▶ **About this task**
Filter the records below for the word "subcontext". Copy each line that holds it.

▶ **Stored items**
[Start of Attachment]
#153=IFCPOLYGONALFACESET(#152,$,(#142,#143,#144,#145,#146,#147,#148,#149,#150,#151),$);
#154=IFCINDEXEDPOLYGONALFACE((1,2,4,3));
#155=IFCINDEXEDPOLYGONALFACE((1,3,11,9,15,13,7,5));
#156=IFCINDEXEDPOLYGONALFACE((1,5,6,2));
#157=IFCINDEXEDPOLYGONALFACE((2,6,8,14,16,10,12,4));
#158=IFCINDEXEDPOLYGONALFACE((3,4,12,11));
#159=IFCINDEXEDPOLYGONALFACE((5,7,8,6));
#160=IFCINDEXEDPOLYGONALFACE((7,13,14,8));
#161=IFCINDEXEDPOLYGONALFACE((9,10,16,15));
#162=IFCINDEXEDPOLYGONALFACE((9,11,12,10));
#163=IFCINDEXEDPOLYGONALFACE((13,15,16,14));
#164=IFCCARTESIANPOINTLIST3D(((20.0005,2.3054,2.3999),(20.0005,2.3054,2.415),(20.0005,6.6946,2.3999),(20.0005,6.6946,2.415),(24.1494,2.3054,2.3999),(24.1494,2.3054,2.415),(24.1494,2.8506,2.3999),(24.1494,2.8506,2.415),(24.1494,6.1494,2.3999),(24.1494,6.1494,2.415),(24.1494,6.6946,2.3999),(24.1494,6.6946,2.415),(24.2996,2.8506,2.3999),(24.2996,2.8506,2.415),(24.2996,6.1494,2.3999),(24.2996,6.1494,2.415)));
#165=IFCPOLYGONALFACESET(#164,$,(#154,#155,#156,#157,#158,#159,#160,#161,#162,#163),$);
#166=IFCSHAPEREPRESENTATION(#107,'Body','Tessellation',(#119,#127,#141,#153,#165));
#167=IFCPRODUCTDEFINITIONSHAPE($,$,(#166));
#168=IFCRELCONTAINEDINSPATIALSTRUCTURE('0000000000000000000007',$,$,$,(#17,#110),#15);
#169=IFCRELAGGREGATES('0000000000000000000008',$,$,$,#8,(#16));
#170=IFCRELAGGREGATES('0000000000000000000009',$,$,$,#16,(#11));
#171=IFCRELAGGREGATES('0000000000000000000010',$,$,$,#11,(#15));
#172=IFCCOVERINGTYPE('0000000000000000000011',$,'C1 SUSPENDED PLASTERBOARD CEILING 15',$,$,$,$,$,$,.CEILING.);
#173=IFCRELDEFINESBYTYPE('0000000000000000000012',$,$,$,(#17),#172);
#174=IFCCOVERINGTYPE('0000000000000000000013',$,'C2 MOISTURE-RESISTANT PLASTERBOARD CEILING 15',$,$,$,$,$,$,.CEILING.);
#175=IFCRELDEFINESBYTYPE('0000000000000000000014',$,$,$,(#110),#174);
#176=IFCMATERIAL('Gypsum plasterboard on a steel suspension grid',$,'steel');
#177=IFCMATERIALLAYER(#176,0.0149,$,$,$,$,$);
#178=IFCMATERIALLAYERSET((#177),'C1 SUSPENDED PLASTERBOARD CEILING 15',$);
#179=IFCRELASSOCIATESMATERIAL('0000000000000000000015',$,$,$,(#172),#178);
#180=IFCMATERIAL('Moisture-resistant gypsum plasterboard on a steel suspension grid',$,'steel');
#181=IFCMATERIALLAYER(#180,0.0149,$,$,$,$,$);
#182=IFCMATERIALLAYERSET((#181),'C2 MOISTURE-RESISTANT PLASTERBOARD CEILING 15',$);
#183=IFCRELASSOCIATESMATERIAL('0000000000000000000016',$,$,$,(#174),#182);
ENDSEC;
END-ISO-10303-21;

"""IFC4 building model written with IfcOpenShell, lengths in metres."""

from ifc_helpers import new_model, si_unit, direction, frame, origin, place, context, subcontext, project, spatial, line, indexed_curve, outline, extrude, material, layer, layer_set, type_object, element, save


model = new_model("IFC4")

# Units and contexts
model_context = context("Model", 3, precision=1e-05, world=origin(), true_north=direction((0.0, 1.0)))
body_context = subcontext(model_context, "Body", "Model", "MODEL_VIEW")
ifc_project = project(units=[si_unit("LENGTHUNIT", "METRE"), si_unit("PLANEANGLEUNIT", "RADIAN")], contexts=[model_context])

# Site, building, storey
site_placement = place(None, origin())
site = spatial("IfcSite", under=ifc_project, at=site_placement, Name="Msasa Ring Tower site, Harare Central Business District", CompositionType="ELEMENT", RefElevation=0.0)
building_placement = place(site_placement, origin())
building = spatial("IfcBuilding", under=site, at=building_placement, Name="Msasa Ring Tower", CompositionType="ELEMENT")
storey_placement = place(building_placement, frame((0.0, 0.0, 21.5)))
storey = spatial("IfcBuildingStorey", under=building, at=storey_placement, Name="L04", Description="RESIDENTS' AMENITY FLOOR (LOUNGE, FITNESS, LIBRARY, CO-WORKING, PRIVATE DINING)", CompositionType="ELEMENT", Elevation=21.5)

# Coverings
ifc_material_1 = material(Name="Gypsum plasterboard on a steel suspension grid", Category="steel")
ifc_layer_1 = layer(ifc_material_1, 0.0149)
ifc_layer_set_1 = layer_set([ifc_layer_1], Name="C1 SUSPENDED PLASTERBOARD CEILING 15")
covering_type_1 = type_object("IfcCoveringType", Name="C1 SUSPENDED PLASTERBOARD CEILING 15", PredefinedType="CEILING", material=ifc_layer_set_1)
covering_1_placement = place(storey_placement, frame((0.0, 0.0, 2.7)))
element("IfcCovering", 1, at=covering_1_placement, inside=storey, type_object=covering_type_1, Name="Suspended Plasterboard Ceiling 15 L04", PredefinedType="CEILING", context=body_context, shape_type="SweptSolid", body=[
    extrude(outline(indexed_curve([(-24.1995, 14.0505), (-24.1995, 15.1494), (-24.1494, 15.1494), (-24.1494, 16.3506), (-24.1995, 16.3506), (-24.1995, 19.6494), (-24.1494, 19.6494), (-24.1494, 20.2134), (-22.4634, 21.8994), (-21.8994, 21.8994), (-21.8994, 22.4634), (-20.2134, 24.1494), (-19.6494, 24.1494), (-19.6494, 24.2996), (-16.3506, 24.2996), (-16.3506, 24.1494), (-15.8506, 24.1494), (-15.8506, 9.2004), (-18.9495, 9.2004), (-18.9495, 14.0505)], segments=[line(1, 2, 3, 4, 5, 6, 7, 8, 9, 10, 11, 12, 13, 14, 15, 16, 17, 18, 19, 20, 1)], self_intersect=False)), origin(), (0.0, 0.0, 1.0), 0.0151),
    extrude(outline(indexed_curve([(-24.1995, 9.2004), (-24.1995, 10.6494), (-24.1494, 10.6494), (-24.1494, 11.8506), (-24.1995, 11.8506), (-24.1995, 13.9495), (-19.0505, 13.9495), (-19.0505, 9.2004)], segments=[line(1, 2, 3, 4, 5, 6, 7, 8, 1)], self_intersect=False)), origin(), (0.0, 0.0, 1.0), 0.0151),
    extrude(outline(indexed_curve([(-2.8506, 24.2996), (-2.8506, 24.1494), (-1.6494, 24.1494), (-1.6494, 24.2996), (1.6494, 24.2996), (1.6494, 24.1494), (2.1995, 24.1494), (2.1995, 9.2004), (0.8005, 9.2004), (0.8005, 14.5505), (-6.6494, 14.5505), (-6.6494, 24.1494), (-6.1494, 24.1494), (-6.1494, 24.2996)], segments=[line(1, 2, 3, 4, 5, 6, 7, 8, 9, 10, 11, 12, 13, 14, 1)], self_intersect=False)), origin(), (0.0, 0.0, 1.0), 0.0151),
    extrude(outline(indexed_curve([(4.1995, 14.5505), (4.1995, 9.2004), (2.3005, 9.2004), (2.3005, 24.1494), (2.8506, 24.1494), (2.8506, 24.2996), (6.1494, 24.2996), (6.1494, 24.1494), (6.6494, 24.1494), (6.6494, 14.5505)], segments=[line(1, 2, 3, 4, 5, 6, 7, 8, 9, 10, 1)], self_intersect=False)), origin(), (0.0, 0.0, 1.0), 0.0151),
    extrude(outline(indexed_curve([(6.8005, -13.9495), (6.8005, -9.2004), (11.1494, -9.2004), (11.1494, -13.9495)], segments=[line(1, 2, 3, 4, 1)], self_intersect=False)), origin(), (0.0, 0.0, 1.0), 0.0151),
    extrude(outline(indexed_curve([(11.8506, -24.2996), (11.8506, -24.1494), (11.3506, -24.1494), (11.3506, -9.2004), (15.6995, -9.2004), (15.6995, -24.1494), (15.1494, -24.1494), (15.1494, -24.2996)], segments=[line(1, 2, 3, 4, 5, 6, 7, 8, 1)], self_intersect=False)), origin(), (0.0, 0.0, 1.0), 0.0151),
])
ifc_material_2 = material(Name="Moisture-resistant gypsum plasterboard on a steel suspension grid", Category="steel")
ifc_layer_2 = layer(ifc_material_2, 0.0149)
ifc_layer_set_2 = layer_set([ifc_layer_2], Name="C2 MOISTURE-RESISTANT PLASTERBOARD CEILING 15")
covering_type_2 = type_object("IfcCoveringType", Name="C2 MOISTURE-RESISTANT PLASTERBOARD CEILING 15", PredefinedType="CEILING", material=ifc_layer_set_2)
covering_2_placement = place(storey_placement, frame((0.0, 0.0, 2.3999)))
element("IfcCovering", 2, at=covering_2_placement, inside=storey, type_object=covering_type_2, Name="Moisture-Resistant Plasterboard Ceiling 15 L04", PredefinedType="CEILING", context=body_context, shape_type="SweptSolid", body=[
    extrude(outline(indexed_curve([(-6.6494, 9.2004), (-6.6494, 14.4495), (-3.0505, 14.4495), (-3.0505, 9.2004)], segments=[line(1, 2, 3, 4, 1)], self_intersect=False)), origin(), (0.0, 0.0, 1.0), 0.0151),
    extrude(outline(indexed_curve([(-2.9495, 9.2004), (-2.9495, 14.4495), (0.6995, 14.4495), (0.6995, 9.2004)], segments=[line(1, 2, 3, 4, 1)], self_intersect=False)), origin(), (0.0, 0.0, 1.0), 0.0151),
[End of Attachment]
▶ **Result of this exercise**
from ifc_helpers import new_model, si_unit, direction, frame, origin, place, context, subcontext, project, spatial, line, indexed_curve, outline, extrude, material, layer, layer_set, type_object, element, save
body_context = subcontext(model_context, "Body", "Model", "MODEL_VIEW")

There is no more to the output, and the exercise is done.